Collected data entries
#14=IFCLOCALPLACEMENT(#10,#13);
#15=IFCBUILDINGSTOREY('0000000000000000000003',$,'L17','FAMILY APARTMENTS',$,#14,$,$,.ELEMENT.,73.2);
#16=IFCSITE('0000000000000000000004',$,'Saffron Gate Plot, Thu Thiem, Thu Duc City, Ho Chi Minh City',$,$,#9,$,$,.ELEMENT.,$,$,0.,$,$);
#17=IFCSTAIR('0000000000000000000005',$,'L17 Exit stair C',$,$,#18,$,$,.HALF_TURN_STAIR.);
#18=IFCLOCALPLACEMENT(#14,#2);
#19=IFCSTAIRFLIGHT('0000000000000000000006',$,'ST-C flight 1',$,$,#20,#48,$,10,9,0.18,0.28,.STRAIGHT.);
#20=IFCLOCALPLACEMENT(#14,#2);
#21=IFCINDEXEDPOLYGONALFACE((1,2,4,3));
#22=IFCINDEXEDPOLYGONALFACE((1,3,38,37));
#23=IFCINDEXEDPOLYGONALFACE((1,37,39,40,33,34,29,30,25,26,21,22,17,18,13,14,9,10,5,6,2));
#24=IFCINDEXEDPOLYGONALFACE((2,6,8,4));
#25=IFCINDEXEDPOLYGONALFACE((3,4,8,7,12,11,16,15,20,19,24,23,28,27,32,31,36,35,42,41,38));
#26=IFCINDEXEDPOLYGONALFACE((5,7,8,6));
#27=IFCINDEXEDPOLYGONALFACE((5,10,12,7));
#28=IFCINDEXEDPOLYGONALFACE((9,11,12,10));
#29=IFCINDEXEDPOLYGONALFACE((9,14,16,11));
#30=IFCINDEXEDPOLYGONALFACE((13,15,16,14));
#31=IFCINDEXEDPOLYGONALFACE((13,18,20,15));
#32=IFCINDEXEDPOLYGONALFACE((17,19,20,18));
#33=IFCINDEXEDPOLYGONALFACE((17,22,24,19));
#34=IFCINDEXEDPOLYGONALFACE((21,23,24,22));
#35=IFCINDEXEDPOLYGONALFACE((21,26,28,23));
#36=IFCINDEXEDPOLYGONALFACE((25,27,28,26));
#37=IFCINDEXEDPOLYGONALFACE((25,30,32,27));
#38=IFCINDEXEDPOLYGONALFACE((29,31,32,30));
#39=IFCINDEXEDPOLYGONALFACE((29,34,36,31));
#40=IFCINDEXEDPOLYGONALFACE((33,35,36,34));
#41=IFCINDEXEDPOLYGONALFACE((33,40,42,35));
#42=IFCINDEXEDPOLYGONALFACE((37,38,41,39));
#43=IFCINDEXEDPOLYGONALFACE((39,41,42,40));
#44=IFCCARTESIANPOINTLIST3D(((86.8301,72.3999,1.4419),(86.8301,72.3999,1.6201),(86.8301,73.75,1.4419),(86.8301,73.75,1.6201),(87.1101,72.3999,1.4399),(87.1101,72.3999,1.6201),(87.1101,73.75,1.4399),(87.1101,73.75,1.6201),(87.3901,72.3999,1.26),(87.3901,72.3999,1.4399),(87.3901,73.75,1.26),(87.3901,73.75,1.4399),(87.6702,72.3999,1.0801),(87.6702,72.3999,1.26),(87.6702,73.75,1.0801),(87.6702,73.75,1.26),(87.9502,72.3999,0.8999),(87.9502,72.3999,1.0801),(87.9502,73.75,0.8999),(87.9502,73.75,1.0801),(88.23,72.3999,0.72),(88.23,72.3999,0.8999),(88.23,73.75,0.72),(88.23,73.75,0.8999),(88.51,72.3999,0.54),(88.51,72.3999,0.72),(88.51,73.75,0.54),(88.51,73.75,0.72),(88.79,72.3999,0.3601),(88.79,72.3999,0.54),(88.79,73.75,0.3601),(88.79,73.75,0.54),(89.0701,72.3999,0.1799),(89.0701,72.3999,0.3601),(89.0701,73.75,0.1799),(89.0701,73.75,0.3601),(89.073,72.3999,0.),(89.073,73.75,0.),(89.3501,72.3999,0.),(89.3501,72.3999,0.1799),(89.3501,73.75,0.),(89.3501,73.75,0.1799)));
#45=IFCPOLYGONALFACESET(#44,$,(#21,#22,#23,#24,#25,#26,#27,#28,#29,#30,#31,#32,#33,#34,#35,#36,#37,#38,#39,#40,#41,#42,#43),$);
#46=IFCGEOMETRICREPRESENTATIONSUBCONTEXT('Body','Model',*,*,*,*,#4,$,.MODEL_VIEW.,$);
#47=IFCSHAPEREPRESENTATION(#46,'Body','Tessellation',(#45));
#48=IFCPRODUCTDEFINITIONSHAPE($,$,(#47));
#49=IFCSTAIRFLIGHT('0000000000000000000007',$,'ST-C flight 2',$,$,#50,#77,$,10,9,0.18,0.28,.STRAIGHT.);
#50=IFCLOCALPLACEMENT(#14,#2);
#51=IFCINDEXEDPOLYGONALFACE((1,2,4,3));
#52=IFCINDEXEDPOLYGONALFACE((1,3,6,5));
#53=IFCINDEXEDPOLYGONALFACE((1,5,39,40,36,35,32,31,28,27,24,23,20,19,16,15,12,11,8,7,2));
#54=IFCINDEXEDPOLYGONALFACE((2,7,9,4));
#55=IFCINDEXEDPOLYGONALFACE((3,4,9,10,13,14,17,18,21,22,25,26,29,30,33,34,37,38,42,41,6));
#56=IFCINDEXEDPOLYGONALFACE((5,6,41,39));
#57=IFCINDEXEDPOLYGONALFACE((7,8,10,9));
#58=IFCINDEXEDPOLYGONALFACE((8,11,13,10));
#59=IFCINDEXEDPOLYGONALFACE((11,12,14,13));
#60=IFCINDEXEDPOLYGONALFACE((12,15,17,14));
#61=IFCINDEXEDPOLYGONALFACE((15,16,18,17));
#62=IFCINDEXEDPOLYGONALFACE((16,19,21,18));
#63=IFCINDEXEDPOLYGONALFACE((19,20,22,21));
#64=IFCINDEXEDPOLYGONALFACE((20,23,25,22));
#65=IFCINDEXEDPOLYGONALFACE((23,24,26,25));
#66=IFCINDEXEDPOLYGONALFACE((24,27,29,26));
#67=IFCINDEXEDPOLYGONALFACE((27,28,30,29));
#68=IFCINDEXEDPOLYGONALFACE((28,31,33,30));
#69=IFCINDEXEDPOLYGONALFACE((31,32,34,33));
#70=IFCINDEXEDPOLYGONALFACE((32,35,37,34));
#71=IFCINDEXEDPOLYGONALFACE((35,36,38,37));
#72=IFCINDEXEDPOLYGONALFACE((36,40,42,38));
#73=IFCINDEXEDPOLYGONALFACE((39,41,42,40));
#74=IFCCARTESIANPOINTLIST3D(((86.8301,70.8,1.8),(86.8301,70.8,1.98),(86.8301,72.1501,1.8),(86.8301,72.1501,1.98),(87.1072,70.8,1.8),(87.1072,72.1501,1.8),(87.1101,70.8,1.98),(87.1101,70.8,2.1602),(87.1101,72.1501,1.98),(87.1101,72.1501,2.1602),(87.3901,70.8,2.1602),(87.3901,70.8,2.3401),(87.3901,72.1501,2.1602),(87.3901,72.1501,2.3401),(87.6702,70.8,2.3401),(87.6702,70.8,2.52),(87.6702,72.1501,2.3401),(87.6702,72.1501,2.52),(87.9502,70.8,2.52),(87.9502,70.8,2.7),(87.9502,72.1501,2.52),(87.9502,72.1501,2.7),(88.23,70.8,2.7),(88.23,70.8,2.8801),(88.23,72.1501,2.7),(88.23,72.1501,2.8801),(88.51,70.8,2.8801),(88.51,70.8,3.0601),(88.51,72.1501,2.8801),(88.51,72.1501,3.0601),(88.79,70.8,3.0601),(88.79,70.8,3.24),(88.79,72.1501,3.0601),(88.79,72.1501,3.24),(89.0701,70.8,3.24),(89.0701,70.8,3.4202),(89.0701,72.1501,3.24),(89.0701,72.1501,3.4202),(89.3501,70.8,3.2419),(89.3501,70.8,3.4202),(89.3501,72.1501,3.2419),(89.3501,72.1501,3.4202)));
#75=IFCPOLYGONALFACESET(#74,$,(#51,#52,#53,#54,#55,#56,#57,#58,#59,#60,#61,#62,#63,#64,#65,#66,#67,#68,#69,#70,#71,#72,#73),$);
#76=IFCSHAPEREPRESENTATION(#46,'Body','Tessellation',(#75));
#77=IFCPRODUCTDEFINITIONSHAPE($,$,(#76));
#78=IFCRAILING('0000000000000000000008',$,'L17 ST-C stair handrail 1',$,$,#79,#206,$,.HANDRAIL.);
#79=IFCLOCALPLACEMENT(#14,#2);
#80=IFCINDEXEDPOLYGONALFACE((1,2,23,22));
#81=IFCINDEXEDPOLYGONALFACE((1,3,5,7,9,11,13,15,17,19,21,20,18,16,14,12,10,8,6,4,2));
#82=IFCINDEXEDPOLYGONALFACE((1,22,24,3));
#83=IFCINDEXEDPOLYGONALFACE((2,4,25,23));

- [Problem requirements]:
An exact copy of the lines above between the line holding "#40=IFCINDEXEDPOLYGONALFACE((33,35,36,34));" and the line holding "#43=IFCINDEXEDPOLYGONALFACE((39,41,42,40));", inclusive, is the whole answer.

- [Written solution]:
#40=IFCINDEXEDPOLYGONALFACE((33,35,36,34));
#41=IFCINDEXEDPOLYGONALFACE((33,40,42,35));
#42=IFCINDEXEDPOLYGONALFACE((37,38,41,39));
#43=IFCINDEXEDPOLYGONALFACE((39,41,42,40));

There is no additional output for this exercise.